#### [Data for this exercise]
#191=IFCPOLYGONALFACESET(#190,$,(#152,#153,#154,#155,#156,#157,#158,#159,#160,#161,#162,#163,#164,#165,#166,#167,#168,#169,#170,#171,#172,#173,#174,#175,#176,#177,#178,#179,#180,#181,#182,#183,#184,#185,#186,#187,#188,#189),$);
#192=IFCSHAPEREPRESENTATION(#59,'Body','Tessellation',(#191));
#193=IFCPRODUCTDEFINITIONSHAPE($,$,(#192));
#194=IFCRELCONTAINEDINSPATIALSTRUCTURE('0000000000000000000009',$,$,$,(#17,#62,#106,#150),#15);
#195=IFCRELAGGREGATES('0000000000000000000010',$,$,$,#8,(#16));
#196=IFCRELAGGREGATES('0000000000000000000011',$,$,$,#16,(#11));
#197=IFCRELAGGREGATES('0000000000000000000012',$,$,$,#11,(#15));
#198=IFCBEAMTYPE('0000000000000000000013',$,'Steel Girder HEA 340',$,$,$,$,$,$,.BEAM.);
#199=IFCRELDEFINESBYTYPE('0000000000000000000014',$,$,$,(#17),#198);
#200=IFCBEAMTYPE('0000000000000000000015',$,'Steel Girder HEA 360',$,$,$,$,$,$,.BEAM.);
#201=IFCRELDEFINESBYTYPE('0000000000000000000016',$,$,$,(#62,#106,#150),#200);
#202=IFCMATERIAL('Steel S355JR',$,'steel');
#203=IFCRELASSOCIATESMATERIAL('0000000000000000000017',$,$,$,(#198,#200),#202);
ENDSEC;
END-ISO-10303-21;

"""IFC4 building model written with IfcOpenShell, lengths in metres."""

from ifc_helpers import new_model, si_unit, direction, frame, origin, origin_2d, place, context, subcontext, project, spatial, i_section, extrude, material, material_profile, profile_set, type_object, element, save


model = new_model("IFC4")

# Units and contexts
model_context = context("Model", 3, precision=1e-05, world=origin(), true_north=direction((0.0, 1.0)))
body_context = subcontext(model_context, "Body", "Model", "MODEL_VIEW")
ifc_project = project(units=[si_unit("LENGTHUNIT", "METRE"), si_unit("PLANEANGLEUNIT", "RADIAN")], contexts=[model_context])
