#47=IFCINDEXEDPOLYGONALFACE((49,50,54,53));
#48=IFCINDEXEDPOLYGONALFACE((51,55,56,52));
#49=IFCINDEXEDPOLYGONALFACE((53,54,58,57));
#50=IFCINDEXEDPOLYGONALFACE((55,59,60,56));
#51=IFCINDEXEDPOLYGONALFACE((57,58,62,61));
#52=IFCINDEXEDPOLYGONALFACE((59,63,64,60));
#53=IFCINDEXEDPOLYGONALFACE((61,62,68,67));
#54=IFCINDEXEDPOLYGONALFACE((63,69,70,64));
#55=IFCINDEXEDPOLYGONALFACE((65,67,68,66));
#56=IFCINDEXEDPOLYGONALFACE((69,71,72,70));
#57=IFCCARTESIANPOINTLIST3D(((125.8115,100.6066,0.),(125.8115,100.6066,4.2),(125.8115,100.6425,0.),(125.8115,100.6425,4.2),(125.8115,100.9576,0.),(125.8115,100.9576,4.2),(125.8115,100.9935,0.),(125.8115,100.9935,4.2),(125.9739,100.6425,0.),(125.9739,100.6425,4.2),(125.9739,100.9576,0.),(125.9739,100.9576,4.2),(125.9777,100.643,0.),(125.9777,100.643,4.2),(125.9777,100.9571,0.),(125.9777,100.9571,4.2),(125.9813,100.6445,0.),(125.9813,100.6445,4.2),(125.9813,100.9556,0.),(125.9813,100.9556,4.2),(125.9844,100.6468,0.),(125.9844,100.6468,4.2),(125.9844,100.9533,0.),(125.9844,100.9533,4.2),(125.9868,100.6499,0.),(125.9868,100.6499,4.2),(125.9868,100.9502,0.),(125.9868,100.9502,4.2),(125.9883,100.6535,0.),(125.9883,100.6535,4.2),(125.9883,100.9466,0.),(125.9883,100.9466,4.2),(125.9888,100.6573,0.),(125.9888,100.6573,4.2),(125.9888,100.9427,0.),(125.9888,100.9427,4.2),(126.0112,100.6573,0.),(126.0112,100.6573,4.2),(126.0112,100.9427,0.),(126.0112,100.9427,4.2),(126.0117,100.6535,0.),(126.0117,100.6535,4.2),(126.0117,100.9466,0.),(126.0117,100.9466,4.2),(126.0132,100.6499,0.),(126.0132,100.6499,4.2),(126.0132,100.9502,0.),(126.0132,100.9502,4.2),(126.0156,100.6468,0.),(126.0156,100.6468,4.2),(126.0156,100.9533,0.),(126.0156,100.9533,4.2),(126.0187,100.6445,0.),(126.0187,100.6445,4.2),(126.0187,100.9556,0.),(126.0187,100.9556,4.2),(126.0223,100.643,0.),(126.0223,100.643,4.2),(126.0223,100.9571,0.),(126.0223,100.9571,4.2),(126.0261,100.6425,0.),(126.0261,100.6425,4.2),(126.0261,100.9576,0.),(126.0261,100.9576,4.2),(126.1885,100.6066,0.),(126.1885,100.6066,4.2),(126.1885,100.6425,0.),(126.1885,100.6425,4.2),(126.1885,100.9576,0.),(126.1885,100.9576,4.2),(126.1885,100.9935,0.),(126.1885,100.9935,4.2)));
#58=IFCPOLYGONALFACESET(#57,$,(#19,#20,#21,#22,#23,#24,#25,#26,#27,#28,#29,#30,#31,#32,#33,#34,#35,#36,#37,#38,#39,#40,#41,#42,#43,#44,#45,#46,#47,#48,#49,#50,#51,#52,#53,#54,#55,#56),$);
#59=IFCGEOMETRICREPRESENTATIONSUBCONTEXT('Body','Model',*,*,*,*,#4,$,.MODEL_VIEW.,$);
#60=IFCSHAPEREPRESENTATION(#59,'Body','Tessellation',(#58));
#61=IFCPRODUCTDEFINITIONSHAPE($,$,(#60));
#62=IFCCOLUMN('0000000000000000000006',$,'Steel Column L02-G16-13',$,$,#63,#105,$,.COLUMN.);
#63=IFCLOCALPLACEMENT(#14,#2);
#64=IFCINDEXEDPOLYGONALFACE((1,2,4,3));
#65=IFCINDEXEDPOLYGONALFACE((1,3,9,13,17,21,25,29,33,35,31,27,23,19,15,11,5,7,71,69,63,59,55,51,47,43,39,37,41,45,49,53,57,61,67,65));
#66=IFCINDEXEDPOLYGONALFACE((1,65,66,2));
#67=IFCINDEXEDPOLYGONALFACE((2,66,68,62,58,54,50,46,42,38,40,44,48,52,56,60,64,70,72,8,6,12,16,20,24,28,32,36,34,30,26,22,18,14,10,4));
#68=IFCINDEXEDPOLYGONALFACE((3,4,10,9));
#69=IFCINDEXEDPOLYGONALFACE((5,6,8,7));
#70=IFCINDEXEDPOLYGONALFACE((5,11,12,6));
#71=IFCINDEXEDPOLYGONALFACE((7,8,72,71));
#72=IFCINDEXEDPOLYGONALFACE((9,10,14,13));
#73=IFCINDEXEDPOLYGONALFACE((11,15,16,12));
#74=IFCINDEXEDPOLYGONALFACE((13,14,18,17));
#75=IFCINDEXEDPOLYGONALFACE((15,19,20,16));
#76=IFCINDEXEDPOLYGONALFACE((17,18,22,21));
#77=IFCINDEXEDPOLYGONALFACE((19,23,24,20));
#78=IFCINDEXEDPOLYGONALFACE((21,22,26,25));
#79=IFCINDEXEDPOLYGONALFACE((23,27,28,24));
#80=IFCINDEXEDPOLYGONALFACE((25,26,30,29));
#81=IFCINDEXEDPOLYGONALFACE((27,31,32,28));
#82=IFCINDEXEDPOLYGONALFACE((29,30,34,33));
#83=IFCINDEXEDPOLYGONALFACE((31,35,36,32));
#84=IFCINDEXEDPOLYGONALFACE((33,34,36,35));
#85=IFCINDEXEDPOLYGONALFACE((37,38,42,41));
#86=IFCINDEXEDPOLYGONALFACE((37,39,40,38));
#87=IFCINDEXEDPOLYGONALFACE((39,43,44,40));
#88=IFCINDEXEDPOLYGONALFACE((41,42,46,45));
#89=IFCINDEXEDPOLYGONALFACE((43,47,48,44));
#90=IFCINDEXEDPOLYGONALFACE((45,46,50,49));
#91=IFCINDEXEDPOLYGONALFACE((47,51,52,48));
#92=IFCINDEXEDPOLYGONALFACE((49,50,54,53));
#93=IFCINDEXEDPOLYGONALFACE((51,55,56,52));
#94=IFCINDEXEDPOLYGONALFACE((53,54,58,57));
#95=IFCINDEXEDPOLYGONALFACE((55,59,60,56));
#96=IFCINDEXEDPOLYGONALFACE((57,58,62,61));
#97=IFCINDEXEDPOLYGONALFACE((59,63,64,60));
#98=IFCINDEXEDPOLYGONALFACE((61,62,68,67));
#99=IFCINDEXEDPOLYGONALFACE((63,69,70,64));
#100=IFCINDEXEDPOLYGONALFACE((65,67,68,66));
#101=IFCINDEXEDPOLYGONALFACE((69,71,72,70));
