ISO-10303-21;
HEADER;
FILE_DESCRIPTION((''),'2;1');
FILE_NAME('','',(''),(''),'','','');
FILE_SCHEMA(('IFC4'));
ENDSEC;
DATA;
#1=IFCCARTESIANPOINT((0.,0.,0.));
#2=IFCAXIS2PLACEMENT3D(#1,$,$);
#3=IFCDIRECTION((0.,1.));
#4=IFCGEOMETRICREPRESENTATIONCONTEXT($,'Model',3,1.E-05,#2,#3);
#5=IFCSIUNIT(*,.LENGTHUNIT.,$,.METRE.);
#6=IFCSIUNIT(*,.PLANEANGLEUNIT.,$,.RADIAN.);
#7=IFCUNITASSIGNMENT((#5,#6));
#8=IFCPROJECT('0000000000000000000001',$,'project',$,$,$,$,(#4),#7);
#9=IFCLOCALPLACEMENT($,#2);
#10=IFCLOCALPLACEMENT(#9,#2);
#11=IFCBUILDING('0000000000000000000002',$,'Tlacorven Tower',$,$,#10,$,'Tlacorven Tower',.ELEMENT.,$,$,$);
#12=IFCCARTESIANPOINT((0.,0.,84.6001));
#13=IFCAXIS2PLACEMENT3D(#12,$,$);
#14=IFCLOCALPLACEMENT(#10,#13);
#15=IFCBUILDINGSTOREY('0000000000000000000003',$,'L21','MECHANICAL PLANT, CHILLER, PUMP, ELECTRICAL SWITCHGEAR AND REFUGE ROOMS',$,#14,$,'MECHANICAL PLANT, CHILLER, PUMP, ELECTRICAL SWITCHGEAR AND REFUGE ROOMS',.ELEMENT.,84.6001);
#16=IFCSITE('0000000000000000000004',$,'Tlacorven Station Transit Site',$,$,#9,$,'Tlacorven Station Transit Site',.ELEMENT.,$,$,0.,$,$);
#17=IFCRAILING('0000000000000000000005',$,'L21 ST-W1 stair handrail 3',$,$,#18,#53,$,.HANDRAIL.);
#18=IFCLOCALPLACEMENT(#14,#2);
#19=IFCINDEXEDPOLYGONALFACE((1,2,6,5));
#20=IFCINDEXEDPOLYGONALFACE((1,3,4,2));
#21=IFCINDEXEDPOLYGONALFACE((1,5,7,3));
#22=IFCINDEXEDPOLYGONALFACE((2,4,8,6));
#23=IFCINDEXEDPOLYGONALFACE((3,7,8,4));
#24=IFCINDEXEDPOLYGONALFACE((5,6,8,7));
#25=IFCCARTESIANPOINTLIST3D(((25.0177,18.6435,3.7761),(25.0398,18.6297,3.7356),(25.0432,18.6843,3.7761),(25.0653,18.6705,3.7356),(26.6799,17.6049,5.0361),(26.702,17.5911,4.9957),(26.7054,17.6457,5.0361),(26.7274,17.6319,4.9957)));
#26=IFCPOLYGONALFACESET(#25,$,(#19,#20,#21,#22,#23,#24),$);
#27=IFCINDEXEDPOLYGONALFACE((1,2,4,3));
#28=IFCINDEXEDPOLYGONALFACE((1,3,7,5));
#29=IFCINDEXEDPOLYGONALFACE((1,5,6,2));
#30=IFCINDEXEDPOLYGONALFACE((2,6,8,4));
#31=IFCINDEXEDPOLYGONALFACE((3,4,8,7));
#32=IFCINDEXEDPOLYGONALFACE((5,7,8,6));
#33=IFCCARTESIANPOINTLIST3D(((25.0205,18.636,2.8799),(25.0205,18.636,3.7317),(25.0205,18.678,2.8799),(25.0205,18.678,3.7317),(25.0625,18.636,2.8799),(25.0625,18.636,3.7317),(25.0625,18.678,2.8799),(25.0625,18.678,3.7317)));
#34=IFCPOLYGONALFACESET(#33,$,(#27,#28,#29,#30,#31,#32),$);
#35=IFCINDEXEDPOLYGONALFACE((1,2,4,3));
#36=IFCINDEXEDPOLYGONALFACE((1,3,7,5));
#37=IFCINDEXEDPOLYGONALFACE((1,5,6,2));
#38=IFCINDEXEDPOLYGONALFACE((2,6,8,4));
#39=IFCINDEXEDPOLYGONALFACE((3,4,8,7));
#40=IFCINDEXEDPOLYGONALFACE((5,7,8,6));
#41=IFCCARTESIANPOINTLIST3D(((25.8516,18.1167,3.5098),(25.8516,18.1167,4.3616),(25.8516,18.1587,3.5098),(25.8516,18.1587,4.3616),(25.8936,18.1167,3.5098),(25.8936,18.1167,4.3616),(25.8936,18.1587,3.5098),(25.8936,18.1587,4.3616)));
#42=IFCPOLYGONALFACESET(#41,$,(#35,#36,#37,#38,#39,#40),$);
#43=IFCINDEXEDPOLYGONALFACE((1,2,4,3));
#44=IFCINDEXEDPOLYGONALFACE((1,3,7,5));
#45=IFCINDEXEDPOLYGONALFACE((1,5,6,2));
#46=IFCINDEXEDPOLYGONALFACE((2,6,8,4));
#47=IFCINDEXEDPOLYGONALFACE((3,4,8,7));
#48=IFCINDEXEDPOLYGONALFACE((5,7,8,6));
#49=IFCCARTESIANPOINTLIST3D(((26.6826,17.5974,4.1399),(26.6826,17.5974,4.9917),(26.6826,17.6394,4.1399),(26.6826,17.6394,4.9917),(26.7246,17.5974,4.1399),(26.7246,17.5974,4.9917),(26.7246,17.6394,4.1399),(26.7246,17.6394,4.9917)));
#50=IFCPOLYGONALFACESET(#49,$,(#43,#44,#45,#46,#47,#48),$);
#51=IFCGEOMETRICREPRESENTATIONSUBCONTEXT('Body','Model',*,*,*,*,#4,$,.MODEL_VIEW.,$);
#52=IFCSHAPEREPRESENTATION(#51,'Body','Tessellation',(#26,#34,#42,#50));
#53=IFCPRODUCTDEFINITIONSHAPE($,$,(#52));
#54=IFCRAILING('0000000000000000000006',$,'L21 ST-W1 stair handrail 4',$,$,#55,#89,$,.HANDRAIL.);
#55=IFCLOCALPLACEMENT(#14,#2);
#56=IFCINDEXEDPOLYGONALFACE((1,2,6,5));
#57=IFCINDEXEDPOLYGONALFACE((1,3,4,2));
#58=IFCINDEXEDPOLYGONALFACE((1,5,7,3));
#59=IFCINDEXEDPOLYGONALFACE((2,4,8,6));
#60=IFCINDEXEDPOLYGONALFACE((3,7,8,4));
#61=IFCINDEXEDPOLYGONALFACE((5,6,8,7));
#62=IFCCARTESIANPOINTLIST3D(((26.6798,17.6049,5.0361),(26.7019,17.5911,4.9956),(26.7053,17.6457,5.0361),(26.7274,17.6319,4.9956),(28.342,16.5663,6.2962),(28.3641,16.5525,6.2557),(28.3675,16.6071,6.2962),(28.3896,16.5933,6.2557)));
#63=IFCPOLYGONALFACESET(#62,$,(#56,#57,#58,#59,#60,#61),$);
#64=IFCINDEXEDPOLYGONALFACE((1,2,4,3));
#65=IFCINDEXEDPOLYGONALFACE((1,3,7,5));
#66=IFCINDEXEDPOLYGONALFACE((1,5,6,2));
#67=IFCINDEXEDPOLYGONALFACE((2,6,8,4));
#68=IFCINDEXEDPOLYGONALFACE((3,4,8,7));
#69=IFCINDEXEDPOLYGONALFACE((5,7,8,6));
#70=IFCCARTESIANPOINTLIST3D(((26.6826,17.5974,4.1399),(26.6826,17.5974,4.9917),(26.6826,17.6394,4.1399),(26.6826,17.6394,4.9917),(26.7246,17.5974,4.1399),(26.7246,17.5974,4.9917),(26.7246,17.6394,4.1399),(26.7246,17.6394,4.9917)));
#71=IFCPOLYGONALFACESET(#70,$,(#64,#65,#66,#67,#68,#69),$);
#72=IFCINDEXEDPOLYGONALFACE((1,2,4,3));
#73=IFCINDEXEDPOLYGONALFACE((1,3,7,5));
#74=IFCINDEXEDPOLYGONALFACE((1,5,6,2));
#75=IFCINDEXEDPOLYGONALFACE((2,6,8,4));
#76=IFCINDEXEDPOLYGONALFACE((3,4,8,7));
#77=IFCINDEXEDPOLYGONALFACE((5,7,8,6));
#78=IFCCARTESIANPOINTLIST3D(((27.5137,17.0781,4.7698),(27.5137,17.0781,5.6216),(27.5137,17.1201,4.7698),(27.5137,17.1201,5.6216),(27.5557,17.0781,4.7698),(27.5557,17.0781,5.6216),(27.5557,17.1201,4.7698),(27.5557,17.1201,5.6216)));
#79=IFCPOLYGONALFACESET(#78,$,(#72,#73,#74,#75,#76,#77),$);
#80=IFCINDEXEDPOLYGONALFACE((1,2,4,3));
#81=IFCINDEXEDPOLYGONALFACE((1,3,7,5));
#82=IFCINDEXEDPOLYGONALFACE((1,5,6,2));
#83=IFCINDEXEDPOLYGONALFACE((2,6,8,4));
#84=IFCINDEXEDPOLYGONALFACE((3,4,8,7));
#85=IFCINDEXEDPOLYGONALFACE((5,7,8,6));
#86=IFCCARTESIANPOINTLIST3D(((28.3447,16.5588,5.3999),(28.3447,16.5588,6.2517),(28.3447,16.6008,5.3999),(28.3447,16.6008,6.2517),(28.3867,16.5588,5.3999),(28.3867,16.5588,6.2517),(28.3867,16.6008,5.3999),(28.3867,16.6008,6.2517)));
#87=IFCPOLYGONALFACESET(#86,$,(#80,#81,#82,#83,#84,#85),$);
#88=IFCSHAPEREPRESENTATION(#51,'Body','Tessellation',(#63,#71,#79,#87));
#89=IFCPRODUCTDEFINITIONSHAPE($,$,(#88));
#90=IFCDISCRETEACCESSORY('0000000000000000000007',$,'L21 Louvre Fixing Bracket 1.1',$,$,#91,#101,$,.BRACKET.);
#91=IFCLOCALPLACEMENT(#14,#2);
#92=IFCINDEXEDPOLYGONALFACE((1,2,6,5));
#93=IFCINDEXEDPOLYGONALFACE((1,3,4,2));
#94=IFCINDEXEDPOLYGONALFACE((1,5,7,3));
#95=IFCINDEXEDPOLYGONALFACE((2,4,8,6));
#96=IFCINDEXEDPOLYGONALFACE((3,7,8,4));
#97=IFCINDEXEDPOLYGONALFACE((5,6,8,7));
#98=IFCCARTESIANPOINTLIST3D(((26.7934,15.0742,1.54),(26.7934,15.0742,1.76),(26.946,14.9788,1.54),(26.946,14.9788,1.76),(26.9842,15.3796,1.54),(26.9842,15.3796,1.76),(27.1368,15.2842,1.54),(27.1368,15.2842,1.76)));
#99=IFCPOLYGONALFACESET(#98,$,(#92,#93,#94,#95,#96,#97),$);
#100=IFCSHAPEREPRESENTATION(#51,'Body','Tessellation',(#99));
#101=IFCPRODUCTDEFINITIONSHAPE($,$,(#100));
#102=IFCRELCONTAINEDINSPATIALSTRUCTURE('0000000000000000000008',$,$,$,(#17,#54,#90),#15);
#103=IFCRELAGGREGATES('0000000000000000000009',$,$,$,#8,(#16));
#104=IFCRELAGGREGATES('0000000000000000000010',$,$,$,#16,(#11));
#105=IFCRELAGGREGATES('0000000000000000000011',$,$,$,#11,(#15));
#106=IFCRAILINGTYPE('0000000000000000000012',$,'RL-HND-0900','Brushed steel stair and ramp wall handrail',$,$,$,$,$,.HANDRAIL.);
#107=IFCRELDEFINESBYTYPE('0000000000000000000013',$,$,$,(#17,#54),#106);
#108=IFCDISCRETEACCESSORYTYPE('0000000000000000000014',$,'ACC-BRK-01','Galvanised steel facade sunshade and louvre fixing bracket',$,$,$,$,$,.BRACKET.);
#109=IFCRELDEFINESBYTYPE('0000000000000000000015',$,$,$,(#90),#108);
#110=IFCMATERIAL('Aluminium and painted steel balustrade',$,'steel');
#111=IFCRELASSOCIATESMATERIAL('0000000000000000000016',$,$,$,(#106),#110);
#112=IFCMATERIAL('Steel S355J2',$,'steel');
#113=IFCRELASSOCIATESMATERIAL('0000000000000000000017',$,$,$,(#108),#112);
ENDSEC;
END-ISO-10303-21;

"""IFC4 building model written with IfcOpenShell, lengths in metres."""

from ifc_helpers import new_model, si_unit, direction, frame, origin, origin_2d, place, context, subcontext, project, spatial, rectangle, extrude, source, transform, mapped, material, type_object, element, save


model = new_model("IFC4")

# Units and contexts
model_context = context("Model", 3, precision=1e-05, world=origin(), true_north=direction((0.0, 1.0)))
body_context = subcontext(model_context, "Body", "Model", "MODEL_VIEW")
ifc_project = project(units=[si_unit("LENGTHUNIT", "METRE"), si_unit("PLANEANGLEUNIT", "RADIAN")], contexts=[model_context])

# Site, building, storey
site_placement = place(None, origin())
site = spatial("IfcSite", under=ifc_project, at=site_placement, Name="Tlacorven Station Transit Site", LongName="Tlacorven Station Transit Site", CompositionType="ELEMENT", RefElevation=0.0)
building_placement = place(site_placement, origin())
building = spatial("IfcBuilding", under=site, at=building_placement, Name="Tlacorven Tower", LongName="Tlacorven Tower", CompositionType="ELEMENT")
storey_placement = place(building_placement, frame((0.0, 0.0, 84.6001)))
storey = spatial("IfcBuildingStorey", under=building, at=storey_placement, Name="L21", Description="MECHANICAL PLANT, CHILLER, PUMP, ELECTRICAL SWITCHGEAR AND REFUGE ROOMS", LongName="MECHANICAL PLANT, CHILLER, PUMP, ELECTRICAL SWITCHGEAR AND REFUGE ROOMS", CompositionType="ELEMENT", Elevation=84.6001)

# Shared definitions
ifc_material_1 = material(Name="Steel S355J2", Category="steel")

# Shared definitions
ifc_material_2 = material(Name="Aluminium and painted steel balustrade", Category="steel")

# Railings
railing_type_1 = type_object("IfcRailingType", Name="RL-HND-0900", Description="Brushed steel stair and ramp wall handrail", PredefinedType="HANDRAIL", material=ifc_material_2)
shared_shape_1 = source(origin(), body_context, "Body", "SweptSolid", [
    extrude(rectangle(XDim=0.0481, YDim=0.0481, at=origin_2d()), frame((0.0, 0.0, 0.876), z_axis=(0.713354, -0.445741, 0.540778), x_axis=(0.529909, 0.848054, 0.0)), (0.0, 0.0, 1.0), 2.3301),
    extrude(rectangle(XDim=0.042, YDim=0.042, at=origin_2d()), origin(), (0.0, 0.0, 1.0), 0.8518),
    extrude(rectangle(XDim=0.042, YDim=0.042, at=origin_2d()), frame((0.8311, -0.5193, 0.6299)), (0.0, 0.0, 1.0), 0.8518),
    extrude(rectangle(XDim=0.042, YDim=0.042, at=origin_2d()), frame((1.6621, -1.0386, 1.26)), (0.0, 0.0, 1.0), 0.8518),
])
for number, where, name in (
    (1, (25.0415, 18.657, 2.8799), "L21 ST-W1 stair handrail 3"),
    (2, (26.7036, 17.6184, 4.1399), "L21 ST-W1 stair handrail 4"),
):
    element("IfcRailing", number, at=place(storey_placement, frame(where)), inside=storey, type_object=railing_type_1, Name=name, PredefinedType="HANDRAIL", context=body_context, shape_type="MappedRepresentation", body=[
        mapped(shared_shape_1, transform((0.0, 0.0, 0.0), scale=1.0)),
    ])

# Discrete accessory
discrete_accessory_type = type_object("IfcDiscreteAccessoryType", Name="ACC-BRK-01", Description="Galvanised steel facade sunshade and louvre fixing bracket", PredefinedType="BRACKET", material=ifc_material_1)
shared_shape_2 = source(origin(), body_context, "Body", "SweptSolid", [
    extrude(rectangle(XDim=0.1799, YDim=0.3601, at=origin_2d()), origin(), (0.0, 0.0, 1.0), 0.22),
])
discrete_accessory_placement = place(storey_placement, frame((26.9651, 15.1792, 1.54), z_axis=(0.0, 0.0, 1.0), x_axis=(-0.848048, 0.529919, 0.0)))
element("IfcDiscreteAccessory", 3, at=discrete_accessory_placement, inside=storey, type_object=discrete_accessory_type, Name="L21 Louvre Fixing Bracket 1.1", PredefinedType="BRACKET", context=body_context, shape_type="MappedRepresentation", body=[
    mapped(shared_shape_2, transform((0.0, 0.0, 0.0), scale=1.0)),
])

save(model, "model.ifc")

#### [Your goal]
The lines to return are those in the entries above that include "IFCRELASSOCIATESMATERIAL".

#### [Solution for this problem]
#203=IFCRELASSOCIATESMATERIAL('0000000000000000000017',$,$,$,(#198,#200),#202);
#111=IFCRELASSOCIATESMATERIAL('0000000000000000000016',$,$,$,(#106),#110);
#113=IFCRELASSOCIATESMATERIAL('0000000000000000000017',$,$,$,(#108),#112);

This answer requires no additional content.